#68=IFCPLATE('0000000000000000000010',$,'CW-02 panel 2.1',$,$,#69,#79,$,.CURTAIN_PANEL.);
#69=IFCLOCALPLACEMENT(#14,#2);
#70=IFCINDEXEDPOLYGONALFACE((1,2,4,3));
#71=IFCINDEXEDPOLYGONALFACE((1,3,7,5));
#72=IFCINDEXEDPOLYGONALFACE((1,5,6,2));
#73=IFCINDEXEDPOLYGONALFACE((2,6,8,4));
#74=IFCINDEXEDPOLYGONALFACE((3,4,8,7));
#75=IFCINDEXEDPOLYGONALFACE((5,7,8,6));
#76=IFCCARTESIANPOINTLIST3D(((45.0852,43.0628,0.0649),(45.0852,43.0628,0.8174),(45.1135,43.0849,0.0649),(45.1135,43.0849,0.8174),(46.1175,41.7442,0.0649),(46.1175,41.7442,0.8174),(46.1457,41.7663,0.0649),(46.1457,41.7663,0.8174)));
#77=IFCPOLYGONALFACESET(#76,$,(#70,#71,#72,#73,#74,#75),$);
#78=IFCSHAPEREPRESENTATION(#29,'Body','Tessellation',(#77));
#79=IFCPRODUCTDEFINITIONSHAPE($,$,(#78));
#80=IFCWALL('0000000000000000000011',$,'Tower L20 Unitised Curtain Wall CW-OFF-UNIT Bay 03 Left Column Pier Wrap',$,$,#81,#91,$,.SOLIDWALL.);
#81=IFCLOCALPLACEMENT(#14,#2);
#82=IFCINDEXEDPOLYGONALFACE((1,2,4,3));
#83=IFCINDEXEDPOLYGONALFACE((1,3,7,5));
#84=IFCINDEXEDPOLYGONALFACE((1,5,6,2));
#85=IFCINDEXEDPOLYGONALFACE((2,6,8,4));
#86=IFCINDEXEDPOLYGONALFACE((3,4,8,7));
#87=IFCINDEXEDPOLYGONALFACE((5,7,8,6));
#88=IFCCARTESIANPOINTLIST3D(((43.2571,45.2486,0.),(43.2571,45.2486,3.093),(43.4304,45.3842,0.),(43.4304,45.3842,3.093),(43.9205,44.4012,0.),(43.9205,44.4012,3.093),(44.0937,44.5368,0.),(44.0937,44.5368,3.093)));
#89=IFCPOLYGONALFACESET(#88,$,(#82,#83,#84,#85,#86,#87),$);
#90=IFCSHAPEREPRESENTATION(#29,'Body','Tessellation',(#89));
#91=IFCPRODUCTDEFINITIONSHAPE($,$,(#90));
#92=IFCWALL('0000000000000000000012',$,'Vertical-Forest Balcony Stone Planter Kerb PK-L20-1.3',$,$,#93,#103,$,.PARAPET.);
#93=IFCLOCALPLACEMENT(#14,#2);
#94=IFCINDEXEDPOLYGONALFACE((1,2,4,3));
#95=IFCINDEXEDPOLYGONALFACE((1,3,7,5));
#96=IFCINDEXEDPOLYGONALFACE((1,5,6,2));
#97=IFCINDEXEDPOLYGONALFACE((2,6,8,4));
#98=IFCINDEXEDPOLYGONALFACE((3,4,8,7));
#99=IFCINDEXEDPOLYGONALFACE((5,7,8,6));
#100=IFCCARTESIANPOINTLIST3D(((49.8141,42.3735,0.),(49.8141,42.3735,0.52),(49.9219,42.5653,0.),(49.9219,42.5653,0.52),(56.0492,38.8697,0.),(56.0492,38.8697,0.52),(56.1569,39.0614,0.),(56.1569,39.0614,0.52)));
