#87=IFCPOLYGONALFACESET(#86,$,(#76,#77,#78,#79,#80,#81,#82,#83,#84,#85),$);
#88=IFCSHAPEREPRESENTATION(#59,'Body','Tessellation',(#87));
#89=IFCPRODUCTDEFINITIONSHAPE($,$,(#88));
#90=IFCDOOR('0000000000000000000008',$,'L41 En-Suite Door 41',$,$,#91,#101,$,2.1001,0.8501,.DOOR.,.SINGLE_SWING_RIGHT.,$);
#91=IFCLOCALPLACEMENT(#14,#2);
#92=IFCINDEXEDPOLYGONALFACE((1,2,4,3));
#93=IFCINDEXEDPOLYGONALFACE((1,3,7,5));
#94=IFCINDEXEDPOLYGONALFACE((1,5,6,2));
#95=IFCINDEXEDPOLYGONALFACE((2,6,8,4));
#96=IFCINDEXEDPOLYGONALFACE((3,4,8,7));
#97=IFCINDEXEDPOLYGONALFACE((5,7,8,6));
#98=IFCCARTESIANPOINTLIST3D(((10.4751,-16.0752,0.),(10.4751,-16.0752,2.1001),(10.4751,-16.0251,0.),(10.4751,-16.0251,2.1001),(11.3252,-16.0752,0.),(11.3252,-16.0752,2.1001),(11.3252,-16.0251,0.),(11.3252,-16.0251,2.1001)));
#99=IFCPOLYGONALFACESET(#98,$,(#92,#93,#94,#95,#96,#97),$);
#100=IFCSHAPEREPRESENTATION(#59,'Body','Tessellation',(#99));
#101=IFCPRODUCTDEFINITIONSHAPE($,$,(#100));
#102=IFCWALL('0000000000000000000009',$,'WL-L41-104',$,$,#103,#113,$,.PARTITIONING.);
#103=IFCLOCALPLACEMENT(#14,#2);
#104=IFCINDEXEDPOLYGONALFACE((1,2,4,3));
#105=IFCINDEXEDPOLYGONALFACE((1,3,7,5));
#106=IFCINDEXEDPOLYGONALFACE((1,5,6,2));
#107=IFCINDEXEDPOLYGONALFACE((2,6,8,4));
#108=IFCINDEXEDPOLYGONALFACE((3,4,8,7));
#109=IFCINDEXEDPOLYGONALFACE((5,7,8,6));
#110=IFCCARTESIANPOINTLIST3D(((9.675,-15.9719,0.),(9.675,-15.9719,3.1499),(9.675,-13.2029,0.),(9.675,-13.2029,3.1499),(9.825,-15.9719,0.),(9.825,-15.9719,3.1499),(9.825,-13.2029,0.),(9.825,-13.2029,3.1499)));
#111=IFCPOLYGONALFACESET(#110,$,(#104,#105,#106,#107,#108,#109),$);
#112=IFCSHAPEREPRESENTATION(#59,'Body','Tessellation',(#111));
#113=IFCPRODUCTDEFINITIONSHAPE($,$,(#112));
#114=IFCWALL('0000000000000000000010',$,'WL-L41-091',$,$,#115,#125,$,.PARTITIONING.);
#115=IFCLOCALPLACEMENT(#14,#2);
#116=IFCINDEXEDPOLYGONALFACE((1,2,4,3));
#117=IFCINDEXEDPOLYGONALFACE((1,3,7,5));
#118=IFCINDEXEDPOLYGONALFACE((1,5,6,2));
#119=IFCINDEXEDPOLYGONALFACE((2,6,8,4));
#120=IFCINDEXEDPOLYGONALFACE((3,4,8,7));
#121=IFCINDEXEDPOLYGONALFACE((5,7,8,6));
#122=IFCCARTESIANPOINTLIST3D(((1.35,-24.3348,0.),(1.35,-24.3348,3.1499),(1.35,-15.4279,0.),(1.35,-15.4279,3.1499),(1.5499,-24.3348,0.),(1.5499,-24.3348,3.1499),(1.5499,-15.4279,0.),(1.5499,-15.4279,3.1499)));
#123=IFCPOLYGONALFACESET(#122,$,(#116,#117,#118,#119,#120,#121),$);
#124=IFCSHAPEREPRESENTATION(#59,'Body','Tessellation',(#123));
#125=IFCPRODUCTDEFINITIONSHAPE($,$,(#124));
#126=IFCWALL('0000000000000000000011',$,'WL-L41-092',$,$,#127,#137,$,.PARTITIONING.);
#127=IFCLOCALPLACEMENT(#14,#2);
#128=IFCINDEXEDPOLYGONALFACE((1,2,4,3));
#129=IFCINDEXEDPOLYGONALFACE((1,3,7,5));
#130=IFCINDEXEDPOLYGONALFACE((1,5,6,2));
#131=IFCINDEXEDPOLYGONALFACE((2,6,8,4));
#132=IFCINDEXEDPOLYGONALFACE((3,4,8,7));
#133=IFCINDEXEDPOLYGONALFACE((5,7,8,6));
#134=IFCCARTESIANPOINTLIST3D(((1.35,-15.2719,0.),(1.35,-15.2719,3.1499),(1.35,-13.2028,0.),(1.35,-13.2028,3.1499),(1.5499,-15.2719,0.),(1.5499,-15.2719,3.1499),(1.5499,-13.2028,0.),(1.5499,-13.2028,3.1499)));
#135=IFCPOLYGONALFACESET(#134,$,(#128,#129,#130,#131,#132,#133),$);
-------------------------
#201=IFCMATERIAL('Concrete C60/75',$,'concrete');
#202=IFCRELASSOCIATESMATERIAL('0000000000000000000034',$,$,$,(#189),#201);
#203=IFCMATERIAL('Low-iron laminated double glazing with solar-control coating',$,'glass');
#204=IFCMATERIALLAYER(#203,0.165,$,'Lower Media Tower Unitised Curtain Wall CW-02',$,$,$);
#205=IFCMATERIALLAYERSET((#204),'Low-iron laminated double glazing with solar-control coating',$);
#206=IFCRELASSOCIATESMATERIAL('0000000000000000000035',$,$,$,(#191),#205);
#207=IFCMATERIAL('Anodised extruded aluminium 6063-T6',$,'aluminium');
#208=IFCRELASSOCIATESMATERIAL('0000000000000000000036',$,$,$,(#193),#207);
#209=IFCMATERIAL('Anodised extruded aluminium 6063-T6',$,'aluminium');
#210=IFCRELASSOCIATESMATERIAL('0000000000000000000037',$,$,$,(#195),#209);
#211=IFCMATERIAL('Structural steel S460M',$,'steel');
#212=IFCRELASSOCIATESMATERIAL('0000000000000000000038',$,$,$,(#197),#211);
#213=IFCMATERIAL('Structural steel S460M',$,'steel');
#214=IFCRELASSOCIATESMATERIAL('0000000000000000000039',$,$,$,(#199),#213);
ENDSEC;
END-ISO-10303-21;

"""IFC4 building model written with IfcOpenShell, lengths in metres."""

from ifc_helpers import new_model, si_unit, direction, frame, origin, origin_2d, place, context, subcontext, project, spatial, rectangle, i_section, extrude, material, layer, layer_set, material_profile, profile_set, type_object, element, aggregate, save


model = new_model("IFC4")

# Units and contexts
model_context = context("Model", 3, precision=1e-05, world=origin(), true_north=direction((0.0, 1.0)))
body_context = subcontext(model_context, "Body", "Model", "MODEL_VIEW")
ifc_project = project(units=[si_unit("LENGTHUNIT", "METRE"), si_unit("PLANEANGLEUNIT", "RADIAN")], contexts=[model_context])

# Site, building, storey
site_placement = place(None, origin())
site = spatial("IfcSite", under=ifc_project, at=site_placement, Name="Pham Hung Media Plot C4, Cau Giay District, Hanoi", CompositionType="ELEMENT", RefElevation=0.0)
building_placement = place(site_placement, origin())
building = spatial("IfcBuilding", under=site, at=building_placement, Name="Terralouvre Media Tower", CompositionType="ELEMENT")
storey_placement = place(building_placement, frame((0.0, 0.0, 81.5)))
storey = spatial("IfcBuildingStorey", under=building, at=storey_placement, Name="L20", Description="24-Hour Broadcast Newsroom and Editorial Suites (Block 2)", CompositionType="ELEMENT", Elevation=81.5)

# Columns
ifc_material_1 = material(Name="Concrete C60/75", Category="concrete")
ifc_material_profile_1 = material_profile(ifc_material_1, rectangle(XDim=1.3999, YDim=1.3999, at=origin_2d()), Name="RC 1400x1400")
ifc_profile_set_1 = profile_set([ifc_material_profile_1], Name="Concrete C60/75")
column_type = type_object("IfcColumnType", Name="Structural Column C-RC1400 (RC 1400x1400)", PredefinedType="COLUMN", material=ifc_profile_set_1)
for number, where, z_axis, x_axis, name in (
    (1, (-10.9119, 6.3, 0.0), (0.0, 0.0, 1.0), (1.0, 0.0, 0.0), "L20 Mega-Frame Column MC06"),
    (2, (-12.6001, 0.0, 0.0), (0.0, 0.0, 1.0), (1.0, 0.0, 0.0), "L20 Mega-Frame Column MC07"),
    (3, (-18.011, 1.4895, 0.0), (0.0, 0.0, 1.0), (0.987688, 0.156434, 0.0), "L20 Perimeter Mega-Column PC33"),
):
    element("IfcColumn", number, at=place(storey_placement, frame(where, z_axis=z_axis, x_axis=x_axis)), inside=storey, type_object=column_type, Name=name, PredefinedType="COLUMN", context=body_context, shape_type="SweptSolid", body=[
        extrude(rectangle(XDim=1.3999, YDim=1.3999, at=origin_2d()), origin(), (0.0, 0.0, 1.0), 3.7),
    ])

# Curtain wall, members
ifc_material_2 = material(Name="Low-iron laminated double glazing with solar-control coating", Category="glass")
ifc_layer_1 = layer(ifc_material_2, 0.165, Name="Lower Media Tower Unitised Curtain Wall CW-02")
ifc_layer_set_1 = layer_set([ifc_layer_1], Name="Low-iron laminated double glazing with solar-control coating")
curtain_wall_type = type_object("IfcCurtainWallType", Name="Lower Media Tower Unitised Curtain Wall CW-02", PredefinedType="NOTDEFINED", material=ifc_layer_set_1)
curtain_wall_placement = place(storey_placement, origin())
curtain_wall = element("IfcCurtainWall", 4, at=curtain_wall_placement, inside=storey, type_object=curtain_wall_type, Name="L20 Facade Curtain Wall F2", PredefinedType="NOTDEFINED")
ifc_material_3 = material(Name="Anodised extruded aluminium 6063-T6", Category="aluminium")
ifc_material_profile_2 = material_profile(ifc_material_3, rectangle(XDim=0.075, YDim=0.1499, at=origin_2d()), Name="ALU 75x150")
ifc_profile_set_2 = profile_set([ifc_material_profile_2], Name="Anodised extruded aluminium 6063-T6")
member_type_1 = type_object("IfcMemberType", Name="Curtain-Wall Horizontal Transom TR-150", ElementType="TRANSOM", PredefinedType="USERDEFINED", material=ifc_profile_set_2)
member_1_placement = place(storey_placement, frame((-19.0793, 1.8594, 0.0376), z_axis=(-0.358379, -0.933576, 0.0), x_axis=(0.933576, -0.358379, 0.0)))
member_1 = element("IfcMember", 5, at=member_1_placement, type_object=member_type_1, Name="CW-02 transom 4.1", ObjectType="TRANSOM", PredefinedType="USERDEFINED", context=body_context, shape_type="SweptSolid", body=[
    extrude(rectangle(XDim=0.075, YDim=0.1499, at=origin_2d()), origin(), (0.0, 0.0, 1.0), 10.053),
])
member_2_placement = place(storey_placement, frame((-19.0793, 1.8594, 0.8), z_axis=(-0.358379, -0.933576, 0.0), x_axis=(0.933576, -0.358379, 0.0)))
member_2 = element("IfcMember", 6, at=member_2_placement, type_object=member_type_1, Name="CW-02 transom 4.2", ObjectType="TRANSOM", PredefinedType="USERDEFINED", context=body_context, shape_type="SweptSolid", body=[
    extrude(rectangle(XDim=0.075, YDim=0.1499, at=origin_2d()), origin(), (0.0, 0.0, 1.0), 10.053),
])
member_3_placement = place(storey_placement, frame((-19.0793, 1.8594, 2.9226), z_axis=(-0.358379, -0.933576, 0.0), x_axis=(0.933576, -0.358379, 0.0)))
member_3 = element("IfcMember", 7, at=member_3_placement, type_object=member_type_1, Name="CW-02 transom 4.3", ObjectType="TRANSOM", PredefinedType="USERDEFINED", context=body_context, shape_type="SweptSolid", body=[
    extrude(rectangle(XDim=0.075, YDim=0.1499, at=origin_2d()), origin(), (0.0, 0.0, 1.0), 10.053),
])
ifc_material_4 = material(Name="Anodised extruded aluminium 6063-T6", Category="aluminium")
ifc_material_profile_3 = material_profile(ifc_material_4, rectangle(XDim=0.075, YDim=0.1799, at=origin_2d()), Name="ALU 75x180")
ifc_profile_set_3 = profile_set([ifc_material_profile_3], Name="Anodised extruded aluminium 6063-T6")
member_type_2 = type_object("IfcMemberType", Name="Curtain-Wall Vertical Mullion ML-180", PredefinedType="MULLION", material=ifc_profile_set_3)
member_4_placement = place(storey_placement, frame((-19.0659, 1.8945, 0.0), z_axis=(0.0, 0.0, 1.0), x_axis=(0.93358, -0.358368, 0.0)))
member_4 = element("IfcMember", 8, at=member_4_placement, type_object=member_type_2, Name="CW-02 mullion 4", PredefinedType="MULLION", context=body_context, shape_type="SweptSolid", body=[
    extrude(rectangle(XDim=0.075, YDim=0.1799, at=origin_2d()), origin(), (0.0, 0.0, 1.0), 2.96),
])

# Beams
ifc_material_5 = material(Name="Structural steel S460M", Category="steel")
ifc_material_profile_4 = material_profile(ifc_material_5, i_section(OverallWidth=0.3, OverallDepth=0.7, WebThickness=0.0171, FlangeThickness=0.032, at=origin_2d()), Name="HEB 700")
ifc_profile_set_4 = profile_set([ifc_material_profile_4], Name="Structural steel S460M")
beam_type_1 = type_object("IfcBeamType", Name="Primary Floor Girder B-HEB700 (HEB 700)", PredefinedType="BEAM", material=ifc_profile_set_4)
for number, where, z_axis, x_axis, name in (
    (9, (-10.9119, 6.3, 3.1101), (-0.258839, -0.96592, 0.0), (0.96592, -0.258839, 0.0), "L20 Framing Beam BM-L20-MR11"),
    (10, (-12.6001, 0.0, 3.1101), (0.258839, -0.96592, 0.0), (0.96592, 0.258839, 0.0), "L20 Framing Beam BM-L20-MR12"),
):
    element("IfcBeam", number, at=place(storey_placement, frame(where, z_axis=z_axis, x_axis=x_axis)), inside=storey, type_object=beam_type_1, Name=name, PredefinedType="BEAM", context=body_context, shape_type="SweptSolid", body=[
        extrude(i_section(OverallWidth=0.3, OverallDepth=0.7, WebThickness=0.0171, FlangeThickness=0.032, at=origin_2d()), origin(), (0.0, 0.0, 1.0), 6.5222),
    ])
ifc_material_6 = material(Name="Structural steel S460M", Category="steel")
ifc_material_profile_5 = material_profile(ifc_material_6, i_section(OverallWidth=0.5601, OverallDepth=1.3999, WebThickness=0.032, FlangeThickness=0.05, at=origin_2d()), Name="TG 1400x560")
-------------------------
-- YOUR INSTRUCTIONS --
Within the records, in how many lines does the string "Media" occur? Give the number and no other text.

-- EXPECTED OUTPUT --
5